The entries follow. Copy every line in which "IFCRELASSOCIATESMATERIAL" appears.

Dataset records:
- - - - -
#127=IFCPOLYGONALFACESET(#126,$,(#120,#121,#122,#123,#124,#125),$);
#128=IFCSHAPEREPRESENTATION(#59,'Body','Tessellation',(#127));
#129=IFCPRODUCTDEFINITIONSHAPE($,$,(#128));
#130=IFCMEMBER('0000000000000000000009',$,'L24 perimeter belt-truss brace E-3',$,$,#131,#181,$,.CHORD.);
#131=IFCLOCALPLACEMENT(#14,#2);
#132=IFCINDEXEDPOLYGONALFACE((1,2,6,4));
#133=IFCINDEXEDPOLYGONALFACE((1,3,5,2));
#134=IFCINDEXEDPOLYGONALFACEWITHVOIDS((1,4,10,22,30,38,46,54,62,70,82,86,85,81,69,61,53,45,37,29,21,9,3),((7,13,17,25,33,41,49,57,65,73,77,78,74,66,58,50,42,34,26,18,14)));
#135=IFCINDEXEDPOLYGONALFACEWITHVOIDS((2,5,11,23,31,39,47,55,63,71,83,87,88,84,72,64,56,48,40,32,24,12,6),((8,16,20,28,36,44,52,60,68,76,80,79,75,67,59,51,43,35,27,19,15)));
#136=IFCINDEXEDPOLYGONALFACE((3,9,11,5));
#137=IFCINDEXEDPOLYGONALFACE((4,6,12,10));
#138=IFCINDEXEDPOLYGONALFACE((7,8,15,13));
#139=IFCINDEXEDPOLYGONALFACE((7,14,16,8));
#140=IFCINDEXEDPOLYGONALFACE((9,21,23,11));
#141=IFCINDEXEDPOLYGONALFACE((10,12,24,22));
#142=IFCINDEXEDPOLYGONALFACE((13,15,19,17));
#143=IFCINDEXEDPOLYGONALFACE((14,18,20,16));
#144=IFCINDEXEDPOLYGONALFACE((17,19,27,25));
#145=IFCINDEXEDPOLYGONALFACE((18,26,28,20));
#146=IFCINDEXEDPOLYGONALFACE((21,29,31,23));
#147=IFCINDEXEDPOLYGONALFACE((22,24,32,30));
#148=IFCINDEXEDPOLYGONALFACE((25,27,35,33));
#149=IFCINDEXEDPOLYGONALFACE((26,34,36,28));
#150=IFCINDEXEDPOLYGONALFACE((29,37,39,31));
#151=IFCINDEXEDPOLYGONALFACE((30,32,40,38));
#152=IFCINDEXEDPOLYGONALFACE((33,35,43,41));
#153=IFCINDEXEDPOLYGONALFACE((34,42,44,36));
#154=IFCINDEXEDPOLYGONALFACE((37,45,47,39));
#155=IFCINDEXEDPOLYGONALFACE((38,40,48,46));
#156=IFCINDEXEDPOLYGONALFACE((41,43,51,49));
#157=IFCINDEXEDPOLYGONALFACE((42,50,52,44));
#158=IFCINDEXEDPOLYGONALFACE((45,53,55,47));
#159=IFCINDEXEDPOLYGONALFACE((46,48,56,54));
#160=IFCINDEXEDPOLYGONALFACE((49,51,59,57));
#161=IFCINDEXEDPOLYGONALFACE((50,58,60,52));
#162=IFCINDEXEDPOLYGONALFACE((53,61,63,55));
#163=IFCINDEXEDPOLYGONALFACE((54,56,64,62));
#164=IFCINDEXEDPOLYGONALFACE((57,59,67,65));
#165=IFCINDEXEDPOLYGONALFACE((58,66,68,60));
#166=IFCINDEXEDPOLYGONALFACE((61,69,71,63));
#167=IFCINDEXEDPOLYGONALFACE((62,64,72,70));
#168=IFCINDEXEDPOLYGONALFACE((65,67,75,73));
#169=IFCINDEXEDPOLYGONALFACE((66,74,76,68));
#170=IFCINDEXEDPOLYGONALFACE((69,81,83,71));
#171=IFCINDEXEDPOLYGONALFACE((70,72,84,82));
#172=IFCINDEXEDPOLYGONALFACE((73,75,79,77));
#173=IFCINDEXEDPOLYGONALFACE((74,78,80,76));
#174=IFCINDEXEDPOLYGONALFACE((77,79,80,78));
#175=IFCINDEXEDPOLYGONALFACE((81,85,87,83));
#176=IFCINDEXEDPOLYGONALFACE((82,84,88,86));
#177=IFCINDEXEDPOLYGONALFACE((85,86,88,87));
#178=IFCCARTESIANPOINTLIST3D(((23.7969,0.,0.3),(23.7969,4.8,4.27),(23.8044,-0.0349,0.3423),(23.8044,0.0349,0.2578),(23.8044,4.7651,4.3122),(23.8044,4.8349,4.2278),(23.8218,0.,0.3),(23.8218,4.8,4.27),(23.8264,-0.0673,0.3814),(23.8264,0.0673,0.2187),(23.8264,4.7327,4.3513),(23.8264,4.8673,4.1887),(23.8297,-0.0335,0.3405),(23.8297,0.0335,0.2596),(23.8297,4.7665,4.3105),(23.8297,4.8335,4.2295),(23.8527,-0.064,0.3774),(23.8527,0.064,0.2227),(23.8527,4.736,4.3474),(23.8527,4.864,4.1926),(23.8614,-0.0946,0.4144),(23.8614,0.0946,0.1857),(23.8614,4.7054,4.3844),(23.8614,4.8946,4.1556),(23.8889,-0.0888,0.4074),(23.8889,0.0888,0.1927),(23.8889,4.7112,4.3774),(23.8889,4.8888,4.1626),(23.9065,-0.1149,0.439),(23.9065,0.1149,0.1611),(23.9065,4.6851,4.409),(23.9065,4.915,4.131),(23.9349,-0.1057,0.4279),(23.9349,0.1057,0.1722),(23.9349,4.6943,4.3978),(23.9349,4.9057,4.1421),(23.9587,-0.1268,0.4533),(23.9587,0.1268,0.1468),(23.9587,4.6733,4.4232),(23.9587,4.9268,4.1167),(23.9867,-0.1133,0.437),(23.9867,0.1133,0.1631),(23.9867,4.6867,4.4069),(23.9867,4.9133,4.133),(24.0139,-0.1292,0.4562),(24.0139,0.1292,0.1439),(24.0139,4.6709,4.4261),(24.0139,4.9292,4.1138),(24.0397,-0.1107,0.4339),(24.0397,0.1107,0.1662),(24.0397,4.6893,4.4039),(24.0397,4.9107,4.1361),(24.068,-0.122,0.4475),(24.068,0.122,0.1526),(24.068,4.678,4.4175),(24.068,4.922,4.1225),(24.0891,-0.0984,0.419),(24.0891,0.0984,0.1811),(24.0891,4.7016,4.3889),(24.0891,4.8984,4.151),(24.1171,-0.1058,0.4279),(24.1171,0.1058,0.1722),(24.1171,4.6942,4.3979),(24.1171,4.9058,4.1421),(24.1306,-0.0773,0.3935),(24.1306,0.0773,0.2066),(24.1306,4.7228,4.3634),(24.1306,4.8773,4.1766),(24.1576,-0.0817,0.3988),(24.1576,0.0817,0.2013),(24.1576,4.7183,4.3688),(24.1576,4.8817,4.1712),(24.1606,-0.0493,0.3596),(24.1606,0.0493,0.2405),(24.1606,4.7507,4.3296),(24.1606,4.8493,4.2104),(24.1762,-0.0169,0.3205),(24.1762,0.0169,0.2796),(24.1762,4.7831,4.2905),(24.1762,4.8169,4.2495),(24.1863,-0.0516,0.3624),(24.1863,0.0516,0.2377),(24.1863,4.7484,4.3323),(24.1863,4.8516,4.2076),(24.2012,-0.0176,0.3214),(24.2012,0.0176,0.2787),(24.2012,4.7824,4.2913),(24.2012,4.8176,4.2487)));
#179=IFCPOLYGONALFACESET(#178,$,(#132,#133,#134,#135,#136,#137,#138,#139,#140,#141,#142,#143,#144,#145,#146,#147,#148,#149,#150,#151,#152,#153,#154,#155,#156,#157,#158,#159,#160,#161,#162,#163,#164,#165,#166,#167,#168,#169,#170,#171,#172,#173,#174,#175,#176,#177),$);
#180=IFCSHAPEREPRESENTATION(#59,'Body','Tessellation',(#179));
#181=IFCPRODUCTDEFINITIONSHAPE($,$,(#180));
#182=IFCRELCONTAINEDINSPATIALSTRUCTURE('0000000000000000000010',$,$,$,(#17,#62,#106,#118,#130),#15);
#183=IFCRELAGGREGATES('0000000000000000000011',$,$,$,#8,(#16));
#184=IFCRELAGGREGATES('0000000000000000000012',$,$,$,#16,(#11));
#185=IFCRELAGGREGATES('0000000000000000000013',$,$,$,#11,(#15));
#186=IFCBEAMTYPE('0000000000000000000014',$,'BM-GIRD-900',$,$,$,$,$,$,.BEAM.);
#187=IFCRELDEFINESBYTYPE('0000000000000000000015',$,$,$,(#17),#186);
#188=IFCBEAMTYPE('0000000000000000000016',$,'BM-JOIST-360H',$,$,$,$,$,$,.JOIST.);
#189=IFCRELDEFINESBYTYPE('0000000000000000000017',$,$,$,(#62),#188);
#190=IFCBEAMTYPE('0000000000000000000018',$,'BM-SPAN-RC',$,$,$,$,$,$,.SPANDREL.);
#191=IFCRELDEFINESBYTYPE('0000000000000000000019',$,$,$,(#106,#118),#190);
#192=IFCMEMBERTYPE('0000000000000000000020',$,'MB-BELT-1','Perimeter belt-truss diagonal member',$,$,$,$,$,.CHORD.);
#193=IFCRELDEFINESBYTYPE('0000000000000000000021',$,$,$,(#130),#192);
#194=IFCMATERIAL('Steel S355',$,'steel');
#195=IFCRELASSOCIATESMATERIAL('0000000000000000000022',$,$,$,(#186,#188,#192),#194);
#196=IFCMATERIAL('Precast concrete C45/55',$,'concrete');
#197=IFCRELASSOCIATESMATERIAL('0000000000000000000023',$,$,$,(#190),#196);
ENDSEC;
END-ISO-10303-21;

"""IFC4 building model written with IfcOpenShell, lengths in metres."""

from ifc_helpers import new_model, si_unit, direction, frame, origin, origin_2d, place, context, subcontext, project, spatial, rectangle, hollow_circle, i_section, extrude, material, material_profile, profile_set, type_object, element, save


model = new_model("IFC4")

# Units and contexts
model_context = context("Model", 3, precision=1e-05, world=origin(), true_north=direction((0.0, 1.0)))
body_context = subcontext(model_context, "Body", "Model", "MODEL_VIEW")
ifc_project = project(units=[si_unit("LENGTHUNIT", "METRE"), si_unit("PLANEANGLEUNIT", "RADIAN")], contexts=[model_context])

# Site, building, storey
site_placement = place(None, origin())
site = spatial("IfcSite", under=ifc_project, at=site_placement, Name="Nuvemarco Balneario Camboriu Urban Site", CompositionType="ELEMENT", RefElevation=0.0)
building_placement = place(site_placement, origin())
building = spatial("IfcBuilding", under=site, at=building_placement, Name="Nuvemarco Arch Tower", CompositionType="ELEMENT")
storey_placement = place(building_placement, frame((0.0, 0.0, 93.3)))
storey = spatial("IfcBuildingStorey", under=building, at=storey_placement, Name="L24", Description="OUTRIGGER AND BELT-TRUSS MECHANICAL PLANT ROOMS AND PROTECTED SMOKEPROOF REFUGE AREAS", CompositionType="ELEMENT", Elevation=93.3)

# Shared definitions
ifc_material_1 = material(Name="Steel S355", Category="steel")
- - - - -
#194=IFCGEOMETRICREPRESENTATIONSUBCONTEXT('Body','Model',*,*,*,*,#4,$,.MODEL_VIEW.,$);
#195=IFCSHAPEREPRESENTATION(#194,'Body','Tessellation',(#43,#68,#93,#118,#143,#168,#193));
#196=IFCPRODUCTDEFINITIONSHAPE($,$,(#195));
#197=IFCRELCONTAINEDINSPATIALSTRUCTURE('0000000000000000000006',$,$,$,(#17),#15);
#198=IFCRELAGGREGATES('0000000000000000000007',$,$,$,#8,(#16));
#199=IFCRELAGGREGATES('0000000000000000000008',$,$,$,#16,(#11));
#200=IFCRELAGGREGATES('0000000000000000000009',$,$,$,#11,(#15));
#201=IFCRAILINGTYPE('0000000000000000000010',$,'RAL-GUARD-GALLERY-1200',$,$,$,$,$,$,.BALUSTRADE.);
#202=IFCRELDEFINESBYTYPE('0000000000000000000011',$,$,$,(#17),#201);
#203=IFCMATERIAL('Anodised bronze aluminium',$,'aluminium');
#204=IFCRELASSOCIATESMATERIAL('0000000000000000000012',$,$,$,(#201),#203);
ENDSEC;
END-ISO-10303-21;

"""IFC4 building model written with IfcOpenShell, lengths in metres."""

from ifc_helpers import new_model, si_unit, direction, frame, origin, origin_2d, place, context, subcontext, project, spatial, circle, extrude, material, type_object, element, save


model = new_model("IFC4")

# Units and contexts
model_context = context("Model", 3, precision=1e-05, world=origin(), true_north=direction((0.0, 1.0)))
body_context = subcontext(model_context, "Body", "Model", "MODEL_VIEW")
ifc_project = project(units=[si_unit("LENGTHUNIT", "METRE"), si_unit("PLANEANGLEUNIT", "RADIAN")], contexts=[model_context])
- - - - -
## EXERCISE ANSWER
#195=IFCRELASSOCIATESMATERIAL('0000000000000000000022',$,$,$,(#186,#188,#192),#194);
#197=IFCRELASSOCIATESMATERIAL('0000000000000000000023',$,$,$,(#190),#196);
#204=IFCRELASSOCIATESMATERIAL('0000000000000000000012',$,$,$,(#201),#203);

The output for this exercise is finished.